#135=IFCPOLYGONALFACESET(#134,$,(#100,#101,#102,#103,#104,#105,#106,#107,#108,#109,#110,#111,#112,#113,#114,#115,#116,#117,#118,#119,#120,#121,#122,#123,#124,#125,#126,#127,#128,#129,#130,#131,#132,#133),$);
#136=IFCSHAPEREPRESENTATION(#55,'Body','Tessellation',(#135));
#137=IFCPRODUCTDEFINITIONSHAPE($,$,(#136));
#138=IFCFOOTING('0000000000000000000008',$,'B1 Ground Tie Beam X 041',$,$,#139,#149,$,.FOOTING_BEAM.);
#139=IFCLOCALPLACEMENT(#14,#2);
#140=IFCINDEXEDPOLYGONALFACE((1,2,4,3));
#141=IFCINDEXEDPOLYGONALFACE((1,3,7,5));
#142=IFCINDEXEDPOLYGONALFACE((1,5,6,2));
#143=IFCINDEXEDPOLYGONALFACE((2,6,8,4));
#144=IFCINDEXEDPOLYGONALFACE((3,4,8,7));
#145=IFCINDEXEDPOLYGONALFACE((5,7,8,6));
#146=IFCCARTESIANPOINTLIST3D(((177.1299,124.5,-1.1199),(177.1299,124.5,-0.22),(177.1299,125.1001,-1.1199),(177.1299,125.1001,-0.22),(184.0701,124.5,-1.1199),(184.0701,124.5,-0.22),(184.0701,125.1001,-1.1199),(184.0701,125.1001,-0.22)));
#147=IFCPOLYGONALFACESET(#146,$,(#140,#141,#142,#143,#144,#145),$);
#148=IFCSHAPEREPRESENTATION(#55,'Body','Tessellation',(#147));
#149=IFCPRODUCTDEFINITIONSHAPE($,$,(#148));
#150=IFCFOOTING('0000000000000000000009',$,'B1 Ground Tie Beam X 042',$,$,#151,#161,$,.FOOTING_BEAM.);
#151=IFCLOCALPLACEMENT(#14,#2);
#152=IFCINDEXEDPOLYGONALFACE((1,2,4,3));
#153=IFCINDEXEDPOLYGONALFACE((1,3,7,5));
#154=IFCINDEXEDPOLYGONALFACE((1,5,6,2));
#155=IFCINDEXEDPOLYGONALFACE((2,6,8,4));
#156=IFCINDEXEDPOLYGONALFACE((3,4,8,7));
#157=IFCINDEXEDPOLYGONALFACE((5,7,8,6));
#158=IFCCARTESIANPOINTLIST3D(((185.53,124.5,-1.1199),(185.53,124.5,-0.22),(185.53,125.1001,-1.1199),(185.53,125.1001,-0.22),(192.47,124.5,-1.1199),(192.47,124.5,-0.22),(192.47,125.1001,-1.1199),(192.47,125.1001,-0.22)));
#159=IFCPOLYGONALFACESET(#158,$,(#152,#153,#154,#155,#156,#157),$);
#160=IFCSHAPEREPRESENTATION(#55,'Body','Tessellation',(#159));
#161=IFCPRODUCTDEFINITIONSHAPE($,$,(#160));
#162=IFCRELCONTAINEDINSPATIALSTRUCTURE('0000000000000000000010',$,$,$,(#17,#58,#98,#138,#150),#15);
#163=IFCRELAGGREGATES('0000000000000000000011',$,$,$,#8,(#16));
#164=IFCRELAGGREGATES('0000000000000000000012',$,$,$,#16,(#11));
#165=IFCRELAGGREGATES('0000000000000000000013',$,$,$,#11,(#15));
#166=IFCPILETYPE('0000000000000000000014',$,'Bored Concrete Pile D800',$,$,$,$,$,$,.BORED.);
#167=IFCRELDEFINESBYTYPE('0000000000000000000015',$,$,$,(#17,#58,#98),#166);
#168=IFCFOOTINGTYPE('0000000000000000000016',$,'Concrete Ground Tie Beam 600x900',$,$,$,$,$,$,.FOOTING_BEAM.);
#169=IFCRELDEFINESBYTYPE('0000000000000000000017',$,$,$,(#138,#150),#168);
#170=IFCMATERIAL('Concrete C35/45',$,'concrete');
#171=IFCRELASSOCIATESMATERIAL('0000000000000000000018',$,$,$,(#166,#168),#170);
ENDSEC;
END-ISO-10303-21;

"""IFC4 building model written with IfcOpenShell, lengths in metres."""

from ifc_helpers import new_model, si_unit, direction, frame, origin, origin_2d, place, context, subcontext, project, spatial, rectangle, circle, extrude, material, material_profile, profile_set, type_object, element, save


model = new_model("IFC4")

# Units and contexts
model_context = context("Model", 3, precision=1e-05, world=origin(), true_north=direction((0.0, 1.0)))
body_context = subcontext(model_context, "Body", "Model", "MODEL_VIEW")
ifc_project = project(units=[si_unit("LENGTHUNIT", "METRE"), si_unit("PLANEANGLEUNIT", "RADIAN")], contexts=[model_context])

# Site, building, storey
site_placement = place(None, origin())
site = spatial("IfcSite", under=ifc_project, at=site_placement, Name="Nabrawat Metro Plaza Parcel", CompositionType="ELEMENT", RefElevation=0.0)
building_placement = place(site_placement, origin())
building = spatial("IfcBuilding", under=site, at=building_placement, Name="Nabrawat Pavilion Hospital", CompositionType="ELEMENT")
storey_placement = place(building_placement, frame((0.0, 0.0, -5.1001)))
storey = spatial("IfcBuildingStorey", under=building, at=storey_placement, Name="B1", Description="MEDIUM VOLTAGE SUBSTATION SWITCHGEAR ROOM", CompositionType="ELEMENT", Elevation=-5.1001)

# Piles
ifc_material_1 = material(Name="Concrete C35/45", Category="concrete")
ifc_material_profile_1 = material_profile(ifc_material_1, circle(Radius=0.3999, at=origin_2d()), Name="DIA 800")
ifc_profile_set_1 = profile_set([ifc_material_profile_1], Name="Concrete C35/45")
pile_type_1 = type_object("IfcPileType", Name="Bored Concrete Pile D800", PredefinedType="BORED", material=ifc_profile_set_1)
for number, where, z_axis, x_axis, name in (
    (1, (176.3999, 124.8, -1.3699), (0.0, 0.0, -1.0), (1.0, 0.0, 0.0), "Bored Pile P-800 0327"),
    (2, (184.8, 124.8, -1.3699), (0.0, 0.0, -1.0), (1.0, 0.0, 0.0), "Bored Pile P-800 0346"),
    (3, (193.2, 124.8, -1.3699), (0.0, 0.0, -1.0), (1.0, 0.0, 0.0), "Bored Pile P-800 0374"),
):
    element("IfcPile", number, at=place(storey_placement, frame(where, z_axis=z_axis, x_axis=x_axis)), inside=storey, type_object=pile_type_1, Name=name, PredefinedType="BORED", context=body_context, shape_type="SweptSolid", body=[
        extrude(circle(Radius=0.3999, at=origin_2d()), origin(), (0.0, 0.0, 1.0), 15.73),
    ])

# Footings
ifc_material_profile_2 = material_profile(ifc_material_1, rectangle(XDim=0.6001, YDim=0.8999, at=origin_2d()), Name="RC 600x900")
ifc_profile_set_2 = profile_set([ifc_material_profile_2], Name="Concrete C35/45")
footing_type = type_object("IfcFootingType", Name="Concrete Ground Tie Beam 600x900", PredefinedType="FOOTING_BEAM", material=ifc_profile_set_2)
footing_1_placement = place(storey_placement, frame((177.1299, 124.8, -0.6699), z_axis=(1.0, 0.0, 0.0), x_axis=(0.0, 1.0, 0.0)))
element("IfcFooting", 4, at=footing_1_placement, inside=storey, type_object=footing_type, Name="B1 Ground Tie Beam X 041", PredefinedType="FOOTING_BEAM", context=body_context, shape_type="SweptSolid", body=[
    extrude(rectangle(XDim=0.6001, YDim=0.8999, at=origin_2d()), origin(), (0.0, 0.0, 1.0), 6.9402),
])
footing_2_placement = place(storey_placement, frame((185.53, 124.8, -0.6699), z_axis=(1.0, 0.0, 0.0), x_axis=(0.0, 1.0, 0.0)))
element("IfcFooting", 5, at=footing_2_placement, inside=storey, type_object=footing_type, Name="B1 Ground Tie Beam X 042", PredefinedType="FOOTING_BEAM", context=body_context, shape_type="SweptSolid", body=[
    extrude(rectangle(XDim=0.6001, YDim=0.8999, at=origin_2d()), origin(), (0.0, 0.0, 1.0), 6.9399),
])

* * *

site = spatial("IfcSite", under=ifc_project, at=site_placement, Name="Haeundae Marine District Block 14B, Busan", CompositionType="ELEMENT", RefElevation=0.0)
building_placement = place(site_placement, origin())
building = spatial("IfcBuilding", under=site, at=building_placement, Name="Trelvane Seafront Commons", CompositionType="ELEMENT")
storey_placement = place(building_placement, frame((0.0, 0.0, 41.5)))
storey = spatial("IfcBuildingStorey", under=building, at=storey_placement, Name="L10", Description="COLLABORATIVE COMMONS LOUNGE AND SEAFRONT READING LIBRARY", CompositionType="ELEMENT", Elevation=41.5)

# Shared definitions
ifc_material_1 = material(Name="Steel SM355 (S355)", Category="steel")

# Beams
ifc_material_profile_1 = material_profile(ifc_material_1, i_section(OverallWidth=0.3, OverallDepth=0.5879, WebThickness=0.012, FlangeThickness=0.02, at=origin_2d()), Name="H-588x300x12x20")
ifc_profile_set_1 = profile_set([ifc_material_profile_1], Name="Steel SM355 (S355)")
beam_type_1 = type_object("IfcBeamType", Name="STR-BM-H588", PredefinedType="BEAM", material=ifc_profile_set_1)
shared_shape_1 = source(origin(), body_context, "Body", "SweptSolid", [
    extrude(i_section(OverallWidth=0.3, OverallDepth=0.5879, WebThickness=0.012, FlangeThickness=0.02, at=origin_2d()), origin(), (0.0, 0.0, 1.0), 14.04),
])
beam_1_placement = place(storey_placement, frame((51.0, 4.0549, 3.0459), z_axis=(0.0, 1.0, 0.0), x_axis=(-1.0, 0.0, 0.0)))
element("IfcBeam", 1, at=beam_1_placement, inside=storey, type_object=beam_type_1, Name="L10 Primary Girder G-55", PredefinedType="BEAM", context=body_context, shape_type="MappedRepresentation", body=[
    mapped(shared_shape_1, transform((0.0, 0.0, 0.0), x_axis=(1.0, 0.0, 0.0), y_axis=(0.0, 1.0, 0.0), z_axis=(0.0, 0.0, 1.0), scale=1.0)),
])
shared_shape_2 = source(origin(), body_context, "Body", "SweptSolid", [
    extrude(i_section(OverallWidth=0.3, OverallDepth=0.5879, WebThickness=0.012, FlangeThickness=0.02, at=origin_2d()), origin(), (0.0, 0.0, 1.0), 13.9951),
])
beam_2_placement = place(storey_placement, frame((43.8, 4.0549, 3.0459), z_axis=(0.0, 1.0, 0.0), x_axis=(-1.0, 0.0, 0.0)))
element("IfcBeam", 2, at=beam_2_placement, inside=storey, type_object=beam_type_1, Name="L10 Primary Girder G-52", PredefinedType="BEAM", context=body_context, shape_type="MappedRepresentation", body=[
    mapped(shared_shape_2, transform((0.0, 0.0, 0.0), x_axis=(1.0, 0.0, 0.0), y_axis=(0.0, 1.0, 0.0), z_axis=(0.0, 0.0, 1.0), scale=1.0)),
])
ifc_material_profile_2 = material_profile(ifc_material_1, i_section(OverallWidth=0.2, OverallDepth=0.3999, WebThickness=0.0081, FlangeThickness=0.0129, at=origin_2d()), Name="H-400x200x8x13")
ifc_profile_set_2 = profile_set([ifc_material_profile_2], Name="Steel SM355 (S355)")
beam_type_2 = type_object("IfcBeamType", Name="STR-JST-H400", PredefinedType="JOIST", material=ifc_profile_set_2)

• **ASSIGNMENT**: Please give back exactly the lines of this listing beginning at the line with "#150=IFCFOOTING('0000000000000000000009',$,'B1 Ground Tie" and ending with the line with "#156=IFCINDEXEDPOLYGONALFACE((3,4,8,7));", both included, and nothing else.

• **ANSWER FOR THIS EXERCISE**:
#150=IFCFOOTING('0000000000000000000009',$,'B1 Ground Tie Beam X 042',$,$,#151,#161,$,.FOOTING_BEAM.);
#151=IFCLOCALPLACEMENT(#14,#2);
#152=IFCINDEXEDPOLYGONALFACE((1,2,4,3));
#153=IFCINDEXEDPOLYGONALFACE((1,3,7,5));
#154=IFCINDEXEDPOLYGONALFACE((1,5,6,2));
#155=IFCINDEXEDPOLYGONALFACE((2,6,8,4));
#156=IFCINDEXEDPOLYGONALFACE((3,4,8,7));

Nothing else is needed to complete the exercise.